■ Task to complete ■
Search the records for the word "Concrete" and report each line that has it.

================================

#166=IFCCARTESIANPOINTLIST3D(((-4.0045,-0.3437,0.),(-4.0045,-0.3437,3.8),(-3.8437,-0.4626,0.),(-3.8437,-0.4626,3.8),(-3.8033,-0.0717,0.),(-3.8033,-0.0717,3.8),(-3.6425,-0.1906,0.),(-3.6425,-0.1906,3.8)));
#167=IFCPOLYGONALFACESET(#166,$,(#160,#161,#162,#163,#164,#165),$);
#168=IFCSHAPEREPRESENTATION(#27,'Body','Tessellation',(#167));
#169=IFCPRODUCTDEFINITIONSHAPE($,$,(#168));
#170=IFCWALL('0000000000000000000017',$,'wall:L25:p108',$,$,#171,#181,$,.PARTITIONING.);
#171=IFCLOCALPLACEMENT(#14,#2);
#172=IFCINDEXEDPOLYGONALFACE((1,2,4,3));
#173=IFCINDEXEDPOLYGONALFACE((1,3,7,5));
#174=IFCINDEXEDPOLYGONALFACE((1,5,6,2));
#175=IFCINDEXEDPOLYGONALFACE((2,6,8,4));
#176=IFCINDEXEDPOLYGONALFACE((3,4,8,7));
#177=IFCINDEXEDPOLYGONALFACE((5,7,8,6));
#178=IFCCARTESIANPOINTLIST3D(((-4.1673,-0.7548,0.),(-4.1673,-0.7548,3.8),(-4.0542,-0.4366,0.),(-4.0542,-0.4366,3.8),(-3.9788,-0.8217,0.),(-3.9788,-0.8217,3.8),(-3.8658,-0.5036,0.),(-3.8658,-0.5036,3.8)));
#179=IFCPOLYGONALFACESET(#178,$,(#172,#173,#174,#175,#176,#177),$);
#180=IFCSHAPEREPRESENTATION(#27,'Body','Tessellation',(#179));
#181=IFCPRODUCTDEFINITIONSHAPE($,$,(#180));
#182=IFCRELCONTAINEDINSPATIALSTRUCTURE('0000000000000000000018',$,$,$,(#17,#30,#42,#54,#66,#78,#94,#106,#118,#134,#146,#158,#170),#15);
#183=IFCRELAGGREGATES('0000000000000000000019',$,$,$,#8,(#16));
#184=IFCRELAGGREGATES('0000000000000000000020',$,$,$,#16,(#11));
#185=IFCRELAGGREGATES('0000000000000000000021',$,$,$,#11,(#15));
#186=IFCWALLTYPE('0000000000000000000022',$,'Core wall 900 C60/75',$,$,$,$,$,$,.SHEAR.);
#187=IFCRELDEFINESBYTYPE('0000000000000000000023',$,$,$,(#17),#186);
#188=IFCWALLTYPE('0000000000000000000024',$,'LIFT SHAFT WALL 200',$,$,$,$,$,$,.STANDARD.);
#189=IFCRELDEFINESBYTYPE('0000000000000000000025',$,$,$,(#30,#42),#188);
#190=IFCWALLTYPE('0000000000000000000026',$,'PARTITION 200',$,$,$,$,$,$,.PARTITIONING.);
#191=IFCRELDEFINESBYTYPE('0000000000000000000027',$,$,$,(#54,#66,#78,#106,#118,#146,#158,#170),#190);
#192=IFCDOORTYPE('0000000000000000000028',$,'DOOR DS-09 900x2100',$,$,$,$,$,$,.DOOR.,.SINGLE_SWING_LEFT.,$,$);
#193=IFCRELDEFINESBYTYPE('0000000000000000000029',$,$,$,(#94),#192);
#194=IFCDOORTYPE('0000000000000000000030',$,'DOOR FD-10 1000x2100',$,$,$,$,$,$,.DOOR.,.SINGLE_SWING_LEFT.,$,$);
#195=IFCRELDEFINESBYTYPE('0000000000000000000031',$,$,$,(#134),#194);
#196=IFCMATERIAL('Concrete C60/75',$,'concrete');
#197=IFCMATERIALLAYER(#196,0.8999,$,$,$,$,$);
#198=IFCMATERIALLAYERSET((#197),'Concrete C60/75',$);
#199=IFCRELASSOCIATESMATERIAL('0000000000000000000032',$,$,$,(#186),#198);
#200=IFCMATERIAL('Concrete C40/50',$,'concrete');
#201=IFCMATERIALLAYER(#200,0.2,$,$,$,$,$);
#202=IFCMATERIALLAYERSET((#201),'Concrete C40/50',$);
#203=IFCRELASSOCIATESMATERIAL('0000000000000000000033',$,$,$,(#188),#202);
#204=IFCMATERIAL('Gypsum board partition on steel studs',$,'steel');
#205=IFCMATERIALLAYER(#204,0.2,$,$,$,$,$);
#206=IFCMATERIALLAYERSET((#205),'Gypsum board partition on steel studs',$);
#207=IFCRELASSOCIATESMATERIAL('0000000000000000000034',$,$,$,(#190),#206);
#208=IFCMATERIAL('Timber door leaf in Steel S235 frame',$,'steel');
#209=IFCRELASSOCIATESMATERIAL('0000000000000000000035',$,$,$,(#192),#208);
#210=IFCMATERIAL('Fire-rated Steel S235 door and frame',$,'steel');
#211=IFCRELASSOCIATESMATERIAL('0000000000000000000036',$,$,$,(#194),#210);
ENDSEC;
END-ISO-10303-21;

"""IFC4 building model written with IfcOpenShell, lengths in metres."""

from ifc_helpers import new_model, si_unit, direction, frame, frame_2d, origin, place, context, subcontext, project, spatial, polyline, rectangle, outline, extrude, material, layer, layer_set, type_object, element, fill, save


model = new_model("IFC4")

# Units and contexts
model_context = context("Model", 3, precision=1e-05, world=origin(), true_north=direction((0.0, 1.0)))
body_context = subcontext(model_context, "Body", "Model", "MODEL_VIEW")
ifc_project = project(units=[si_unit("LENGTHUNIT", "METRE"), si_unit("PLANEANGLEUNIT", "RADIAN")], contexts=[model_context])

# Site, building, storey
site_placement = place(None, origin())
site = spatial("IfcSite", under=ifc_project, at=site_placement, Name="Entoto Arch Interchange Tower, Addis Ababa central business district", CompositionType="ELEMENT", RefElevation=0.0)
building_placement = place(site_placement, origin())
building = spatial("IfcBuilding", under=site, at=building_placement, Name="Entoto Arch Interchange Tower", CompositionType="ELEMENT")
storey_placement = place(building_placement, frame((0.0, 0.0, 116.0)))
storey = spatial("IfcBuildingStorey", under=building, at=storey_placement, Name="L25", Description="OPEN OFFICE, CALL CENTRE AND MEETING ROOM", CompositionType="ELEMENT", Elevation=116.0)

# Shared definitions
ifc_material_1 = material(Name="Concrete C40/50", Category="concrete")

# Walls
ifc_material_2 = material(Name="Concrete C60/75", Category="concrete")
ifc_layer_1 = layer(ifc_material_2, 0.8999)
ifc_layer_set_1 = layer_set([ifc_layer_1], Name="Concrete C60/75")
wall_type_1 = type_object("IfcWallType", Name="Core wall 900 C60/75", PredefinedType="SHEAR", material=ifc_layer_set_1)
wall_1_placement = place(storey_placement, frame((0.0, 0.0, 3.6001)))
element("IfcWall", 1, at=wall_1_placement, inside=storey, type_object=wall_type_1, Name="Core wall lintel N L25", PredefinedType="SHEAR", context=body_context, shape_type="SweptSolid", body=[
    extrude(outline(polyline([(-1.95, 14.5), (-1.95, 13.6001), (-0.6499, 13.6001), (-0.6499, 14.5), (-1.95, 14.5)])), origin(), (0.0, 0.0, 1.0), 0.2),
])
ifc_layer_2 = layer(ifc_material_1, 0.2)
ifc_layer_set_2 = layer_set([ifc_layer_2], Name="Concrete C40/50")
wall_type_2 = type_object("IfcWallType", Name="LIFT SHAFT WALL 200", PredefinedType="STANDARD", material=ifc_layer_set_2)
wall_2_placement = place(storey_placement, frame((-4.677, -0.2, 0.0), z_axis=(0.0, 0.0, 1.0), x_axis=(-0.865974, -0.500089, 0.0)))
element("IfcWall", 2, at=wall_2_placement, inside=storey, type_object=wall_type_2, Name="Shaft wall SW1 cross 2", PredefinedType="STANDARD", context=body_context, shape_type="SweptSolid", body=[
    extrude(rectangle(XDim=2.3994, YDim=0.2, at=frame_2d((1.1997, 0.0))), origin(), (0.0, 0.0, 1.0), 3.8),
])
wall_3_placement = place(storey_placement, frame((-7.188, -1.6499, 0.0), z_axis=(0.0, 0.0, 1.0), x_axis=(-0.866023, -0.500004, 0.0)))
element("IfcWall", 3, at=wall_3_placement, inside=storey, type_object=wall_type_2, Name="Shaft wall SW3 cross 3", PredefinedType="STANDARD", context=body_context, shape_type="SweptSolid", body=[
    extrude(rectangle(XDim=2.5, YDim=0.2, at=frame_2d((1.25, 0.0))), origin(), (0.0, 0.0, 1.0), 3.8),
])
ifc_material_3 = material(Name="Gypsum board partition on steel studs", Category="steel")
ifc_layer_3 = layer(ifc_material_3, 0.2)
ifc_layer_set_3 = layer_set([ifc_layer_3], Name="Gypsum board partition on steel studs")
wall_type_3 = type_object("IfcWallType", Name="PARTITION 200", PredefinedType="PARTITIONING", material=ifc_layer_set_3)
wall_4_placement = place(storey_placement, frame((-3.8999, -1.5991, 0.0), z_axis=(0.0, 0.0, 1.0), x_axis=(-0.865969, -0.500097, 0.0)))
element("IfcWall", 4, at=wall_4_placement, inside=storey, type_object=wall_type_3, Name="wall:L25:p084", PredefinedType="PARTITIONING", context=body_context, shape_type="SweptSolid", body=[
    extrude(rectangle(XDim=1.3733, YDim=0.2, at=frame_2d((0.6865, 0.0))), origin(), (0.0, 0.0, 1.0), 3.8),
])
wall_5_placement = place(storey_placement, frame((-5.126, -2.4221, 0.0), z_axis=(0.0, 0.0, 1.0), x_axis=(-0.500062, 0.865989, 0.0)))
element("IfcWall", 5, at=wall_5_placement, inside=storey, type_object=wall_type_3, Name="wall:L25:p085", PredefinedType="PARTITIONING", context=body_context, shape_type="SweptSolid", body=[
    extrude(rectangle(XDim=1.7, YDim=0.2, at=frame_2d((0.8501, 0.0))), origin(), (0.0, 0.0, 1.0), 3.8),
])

================================

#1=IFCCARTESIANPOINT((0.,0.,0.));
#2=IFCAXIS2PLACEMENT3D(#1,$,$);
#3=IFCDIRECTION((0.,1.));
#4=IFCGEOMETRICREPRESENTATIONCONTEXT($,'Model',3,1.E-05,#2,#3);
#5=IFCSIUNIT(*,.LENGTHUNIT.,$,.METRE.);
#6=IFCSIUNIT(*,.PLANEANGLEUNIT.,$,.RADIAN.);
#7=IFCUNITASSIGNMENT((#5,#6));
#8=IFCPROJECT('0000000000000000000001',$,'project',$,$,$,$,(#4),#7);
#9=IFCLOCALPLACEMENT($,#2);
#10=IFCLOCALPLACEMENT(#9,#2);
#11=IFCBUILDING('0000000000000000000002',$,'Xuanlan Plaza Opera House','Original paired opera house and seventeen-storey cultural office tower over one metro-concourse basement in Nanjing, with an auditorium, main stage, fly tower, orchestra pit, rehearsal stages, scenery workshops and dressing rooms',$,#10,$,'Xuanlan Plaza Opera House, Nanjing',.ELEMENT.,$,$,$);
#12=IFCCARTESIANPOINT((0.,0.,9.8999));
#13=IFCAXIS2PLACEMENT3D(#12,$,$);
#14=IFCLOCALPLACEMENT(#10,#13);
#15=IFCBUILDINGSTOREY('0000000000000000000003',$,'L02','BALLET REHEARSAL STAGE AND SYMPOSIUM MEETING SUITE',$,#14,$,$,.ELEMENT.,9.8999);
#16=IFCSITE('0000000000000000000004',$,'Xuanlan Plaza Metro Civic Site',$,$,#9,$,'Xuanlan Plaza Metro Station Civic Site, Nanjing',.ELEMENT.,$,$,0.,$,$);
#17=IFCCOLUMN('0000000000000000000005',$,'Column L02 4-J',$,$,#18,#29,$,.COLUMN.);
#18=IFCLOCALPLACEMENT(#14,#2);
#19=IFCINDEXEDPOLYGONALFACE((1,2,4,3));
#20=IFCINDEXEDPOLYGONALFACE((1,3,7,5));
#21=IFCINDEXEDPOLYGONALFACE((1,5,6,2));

================================

■ Result for this exercise ■
#196=IFCMATERIAL('Concrete C60/75',$,'concrete');
#198=IFCMATERIALLAYERSET((#197),'Concrete C60/75',$);
#200=IFCMATERIAL('Concrete C40/50',$,'concrete');
#202=IFCMATERIALLAYERSET((#201),'Concrete C40/50',$);
ifc_material_1 = material(Name="Concrete C40/50", Category="concrete")
ifc_material_2 = material(Name="Concrete C60/75", Category="concrete")
ifc_layer_set_1 = layer_set([ifc_layer_1], Name="Concrete C60/75")
ifc_layer_set_2 = layer_set([ifc_layer_2], Name="Concrete C40/50")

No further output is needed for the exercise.